Report each line of the data below in which "number" appears.

START EXCERPTED RECORDS

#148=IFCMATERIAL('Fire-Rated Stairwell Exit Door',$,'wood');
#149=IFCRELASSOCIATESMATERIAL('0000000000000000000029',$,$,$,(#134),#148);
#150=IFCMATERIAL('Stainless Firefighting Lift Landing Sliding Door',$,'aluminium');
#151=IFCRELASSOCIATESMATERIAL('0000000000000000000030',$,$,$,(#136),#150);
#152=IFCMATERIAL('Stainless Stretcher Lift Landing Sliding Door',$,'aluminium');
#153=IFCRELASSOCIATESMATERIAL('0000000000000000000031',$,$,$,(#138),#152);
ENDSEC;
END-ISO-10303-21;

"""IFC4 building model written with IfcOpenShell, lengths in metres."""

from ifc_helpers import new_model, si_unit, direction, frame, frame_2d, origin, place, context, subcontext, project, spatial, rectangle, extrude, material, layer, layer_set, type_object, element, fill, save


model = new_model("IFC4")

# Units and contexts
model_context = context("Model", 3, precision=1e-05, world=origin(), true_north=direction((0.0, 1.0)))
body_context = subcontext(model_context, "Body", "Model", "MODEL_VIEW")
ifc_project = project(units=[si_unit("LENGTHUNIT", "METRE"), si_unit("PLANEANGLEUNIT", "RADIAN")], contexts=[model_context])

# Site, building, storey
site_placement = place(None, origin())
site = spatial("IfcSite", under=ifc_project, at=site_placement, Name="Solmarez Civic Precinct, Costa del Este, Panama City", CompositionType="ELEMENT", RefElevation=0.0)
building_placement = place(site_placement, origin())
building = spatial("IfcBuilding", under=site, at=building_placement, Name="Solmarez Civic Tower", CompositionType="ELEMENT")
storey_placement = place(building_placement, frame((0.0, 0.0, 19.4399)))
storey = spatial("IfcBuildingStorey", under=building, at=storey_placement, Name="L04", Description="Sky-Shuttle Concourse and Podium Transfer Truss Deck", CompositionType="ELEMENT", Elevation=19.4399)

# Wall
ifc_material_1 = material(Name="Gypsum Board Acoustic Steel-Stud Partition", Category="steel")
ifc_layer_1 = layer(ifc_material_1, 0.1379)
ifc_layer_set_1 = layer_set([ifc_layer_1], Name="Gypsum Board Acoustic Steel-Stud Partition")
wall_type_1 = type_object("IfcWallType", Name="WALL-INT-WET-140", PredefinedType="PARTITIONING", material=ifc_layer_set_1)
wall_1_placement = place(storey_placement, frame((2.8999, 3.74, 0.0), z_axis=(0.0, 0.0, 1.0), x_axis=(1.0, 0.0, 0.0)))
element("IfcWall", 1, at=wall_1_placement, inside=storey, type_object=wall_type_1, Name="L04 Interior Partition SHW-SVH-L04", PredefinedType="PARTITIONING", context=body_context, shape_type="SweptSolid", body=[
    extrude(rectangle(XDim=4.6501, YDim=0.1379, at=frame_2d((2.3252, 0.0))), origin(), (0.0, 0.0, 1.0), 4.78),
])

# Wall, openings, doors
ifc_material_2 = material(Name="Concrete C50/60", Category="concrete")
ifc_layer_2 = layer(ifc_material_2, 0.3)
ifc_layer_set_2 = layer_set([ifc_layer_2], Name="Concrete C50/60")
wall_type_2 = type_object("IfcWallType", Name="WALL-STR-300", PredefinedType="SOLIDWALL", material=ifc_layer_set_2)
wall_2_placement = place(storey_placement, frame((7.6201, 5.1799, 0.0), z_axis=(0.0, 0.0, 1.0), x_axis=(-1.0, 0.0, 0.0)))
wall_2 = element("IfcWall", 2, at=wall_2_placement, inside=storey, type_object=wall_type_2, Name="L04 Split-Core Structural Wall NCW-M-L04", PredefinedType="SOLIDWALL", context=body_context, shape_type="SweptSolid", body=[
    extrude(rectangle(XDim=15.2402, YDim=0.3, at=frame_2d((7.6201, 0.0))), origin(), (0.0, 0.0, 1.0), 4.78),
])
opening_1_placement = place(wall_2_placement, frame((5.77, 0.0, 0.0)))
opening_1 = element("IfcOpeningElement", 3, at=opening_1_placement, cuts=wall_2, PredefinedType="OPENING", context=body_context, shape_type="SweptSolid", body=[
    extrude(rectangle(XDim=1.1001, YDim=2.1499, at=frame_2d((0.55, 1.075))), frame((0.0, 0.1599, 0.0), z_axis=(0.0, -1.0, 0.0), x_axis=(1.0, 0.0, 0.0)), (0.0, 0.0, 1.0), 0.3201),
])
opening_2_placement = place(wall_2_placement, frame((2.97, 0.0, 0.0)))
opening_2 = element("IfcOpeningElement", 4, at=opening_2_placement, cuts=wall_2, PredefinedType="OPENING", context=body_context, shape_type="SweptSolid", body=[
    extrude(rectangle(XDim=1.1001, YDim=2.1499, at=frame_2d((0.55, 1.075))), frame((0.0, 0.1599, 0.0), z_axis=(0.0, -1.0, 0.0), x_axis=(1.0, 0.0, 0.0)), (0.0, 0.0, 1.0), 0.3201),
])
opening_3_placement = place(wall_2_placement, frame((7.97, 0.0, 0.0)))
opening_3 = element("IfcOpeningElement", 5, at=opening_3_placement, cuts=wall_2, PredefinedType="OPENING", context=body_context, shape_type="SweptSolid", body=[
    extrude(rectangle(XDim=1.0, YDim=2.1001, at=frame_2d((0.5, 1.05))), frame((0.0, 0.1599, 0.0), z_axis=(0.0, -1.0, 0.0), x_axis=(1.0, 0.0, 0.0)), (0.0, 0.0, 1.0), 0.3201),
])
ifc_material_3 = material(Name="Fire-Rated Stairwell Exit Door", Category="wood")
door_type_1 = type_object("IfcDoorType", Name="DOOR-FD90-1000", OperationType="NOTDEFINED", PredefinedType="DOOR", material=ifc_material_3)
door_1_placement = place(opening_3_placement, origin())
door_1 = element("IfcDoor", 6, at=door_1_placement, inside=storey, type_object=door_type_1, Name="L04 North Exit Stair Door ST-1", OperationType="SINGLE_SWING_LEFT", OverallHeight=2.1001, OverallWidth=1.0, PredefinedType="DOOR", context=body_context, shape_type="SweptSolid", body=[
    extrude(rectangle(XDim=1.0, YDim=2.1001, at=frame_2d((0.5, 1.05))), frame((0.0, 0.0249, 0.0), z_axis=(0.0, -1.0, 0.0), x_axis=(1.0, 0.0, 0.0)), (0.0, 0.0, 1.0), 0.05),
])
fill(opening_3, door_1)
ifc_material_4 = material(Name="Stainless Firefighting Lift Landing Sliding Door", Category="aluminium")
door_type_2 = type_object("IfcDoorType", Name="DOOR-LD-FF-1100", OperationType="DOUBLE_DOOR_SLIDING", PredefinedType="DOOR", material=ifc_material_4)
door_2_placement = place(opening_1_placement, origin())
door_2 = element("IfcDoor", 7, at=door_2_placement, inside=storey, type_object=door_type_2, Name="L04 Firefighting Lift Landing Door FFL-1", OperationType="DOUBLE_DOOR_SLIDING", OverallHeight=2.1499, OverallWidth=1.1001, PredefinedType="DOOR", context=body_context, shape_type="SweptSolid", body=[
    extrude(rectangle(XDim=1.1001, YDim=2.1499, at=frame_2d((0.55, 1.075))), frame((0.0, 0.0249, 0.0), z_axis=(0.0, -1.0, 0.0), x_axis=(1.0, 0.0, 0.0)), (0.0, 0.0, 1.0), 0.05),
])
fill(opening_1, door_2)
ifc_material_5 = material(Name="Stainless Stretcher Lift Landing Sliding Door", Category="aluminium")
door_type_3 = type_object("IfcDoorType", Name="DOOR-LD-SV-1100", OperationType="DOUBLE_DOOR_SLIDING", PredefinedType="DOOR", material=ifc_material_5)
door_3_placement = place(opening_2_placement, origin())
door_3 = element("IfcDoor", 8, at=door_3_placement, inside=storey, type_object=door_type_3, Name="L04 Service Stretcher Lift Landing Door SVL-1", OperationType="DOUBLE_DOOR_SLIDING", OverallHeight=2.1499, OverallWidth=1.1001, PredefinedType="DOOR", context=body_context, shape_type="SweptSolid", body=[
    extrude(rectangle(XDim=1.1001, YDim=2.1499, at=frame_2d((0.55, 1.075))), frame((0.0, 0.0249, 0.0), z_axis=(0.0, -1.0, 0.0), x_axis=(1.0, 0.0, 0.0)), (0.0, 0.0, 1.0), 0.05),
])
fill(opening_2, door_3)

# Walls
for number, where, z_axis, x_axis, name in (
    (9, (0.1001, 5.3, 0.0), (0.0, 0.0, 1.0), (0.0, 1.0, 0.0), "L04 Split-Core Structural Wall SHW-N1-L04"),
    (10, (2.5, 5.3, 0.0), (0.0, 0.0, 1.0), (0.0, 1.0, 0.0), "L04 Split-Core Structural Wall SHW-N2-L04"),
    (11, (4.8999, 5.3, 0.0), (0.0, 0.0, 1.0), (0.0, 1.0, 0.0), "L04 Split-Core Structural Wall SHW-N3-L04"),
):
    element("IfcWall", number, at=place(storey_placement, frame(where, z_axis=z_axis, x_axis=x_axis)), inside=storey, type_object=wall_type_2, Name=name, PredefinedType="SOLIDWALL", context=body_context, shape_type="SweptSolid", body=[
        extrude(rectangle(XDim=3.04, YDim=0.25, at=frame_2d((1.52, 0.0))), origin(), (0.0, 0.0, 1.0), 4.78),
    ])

END EXCERPTED RECORDS

SOLUTION TO THE EXERCISE:
for number, where, z_axis, x_axis, name in (
    element("IfcWall", number, at=place(storey_placement, frame(where, z_axis=z_axis, x_axis=x_axis)), inside=storey, type_object=wall_type_2, Name=name, PredefinedType="SOLIDWALL", context=body_context, shape_type="SweptSolid", body=[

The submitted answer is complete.